(EXTRACTED ENTRIES)

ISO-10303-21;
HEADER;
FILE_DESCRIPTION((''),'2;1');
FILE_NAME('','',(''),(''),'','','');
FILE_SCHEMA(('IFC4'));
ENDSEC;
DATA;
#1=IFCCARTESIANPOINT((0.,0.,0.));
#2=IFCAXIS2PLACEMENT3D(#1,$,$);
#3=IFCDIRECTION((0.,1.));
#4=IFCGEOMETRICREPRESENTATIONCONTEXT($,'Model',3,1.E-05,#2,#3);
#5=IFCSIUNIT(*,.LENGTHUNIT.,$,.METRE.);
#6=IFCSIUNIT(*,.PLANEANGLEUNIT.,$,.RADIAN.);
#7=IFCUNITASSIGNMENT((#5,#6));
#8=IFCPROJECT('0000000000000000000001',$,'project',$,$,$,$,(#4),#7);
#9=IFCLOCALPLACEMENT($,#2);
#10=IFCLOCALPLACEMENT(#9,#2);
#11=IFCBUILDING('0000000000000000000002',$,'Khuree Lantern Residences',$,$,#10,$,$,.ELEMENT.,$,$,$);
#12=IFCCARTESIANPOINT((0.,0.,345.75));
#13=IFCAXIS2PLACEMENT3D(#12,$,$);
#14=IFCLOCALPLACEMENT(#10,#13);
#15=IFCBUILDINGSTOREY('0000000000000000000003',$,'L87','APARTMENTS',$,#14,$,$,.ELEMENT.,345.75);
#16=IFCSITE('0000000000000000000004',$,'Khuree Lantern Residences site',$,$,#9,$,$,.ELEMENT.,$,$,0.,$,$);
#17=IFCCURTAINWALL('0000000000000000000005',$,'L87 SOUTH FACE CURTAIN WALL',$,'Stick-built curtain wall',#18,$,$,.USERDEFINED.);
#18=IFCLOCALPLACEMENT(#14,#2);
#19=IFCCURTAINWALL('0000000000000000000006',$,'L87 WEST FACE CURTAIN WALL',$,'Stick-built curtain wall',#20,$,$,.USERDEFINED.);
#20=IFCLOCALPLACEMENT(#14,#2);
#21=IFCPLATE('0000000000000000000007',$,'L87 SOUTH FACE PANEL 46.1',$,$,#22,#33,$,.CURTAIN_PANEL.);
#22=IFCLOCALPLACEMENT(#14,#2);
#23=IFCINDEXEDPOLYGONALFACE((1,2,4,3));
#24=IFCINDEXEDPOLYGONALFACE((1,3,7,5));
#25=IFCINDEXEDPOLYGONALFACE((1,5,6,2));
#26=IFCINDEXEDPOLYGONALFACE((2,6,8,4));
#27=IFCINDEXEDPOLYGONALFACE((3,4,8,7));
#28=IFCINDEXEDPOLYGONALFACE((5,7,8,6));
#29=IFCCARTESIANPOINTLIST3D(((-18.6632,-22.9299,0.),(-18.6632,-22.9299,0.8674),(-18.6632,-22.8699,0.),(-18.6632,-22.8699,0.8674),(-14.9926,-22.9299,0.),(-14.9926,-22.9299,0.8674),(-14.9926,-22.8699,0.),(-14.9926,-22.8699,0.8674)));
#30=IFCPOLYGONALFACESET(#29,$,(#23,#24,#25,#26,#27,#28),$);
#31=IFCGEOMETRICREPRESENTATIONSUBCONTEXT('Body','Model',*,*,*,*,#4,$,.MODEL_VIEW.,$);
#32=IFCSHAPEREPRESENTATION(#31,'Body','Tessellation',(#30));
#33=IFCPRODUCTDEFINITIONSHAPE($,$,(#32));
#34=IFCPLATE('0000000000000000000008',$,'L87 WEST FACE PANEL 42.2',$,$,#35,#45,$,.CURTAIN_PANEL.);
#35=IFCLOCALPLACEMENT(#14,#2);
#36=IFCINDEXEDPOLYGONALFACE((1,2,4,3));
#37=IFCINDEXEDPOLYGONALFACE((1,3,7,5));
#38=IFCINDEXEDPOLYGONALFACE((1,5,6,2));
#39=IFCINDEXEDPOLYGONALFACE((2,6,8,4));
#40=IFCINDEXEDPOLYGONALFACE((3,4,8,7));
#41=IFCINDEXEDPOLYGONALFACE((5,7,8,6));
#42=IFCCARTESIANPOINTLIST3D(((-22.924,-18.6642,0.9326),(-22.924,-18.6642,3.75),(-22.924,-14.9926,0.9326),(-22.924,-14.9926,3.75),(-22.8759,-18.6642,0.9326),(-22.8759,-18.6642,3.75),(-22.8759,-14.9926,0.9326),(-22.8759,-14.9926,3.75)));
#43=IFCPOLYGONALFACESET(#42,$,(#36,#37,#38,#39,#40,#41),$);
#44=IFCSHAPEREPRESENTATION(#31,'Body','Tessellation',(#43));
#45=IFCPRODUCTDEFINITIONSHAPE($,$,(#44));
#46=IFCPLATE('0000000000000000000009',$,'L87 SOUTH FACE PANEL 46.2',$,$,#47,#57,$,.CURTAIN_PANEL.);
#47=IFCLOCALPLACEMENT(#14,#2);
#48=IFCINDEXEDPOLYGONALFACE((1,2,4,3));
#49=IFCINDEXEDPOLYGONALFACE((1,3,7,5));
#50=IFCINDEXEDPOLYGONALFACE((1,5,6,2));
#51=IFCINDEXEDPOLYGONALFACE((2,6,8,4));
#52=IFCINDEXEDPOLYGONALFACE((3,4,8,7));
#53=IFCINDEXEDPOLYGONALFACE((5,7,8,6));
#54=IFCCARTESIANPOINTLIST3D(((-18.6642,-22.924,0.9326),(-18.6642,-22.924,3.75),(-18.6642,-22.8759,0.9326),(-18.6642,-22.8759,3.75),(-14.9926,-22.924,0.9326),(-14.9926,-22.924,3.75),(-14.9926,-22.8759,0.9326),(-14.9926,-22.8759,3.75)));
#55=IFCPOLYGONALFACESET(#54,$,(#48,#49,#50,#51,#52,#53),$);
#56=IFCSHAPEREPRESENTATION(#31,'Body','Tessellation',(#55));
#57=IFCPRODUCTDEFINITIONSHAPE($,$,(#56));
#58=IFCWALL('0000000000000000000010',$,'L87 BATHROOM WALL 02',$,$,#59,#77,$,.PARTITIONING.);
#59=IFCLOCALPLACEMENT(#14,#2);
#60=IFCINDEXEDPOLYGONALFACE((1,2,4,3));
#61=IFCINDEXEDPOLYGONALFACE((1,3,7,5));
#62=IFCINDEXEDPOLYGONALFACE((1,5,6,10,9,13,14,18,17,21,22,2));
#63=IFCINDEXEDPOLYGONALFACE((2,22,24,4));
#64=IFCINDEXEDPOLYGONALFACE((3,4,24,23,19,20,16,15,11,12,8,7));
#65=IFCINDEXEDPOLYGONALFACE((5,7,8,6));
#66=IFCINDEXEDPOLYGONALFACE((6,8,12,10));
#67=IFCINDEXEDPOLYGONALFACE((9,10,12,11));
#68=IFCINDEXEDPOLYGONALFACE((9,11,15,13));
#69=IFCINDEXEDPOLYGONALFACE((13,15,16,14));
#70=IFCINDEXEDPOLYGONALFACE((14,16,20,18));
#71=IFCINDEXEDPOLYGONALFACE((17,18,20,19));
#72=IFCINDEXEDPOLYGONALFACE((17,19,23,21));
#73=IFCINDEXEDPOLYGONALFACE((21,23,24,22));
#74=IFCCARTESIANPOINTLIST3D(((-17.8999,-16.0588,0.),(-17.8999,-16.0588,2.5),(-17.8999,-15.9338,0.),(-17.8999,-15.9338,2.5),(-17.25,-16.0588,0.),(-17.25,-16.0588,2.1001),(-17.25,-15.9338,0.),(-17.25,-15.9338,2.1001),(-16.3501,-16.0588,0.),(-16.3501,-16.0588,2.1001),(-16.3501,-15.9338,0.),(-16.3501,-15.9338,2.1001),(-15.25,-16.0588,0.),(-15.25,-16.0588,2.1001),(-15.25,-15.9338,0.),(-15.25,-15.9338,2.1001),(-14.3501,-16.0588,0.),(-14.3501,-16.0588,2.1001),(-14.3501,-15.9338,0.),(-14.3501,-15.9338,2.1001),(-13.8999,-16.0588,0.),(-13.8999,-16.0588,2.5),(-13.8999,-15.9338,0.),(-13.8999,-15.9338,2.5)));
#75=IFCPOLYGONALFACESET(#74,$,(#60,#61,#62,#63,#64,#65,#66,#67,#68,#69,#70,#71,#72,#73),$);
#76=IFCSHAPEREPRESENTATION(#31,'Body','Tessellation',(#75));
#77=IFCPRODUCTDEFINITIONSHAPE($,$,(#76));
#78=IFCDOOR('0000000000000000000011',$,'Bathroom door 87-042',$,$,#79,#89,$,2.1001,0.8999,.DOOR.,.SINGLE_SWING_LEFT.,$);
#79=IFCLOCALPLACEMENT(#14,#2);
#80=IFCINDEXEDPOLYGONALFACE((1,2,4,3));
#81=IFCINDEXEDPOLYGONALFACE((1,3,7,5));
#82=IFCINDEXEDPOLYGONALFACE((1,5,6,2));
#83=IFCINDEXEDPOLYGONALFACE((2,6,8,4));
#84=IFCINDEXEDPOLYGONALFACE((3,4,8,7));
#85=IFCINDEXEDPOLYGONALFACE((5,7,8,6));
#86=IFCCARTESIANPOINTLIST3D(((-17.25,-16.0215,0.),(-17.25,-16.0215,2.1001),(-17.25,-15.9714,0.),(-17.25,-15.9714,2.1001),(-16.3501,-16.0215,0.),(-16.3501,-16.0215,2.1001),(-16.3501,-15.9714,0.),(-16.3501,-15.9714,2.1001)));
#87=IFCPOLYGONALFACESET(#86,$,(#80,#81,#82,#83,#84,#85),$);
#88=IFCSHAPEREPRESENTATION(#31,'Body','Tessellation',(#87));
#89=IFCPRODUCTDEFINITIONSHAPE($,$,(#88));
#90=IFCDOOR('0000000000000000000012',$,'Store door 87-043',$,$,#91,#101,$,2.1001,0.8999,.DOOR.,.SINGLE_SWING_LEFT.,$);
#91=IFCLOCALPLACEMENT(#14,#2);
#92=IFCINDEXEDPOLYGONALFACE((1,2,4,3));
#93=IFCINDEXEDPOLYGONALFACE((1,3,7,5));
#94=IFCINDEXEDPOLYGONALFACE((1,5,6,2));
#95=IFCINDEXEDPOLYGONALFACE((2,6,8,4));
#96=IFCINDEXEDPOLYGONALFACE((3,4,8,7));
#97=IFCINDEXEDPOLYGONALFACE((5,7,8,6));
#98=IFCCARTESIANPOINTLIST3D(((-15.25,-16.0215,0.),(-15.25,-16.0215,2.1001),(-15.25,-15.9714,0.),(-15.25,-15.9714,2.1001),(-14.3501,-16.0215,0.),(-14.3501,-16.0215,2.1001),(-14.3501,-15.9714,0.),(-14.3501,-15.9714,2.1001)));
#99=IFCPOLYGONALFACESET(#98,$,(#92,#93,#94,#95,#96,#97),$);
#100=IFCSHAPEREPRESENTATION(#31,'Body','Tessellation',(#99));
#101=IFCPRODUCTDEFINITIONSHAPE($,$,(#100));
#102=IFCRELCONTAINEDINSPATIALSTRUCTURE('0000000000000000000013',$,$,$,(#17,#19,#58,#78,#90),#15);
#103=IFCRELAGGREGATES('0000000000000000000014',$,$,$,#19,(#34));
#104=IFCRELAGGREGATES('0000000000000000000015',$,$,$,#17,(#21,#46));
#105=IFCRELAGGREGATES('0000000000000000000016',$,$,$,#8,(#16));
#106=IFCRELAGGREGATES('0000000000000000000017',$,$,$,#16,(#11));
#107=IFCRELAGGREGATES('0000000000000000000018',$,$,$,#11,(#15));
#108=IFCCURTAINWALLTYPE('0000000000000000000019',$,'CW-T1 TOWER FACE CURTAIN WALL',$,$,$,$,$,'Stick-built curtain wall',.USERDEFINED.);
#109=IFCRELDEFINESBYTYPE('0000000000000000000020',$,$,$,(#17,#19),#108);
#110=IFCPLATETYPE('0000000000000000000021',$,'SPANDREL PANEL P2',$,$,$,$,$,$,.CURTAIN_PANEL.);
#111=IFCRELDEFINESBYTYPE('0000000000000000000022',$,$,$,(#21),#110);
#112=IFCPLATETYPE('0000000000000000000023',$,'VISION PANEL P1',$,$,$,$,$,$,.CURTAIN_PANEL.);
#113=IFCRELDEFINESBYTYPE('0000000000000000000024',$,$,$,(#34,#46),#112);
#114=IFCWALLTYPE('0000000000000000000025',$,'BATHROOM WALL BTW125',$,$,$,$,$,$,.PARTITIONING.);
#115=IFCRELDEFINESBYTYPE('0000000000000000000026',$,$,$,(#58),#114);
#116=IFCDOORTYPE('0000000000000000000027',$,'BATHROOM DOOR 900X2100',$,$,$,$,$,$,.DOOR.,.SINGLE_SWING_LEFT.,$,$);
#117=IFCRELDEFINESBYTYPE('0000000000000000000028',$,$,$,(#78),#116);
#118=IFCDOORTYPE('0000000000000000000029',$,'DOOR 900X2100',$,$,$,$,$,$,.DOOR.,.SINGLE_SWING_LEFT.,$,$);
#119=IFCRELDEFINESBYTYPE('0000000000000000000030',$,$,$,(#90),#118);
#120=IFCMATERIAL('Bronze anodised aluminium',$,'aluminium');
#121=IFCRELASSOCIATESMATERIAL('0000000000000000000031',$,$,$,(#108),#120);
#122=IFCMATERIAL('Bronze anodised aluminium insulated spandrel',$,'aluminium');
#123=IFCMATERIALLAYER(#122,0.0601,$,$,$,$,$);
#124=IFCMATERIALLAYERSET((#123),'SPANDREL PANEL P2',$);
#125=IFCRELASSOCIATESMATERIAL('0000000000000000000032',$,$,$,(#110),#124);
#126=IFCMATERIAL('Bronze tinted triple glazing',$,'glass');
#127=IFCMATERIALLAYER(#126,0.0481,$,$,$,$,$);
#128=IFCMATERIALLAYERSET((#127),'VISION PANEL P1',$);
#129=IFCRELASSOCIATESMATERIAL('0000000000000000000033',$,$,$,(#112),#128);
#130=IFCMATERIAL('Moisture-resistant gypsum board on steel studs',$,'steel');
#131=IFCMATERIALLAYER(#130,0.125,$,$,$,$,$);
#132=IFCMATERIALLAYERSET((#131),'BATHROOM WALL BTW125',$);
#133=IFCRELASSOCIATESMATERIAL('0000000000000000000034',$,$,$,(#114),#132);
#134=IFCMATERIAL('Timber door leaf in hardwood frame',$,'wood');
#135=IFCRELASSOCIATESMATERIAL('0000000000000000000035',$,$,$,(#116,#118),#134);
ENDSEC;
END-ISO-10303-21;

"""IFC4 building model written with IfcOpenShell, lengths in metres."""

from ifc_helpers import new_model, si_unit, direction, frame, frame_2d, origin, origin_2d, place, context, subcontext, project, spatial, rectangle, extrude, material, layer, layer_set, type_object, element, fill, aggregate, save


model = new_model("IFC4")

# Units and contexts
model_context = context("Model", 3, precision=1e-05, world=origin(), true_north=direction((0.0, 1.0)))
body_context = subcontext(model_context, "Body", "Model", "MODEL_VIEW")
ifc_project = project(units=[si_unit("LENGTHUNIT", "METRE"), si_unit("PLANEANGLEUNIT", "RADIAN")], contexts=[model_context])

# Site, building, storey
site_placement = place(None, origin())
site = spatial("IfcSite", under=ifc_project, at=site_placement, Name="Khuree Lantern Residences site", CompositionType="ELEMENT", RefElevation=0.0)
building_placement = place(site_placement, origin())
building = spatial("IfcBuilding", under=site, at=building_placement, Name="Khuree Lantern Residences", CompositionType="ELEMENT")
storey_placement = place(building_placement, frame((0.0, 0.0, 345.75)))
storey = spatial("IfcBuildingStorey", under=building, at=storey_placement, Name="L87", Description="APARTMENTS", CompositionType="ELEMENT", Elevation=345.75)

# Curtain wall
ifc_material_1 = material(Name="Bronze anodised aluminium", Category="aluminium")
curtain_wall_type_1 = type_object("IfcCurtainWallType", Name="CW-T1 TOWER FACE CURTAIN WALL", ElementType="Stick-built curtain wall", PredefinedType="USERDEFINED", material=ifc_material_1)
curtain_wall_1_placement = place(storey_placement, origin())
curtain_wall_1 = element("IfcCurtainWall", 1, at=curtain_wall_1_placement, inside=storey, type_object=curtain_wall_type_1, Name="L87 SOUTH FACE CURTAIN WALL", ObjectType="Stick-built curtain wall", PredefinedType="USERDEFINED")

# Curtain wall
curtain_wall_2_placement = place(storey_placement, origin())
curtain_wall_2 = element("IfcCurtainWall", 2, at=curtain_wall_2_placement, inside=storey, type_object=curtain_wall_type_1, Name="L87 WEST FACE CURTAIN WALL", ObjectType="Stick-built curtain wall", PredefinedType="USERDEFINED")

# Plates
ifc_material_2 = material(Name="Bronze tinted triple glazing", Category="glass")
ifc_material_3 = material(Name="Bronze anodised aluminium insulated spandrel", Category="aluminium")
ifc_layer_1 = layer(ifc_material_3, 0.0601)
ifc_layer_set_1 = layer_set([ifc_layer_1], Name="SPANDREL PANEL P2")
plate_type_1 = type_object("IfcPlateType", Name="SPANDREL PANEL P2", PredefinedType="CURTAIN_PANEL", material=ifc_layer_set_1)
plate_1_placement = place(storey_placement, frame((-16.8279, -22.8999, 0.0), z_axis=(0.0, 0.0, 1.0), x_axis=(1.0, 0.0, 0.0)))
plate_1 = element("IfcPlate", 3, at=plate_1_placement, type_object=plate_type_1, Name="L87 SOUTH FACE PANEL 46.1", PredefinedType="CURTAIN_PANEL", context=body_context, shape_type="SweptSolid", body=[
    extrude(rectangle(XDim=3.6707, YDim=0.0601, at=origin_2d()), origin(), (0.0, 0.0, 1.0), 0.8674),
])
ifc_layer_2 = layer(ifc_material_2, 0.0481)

(End EXTRACTED ENTRIES)

EXERCISE DETAILS:
Look through the records for the string "IFCSIUNIT". Copy every line that has it.

PROBLEM SOLUTION:
#5=IFCSIUNIT(*,.LENGTHUNIT.,$,.METRE.);
#6=IFCSIUNIT(*,.PLANEANGLEUNIT.,$,.RADIAN.);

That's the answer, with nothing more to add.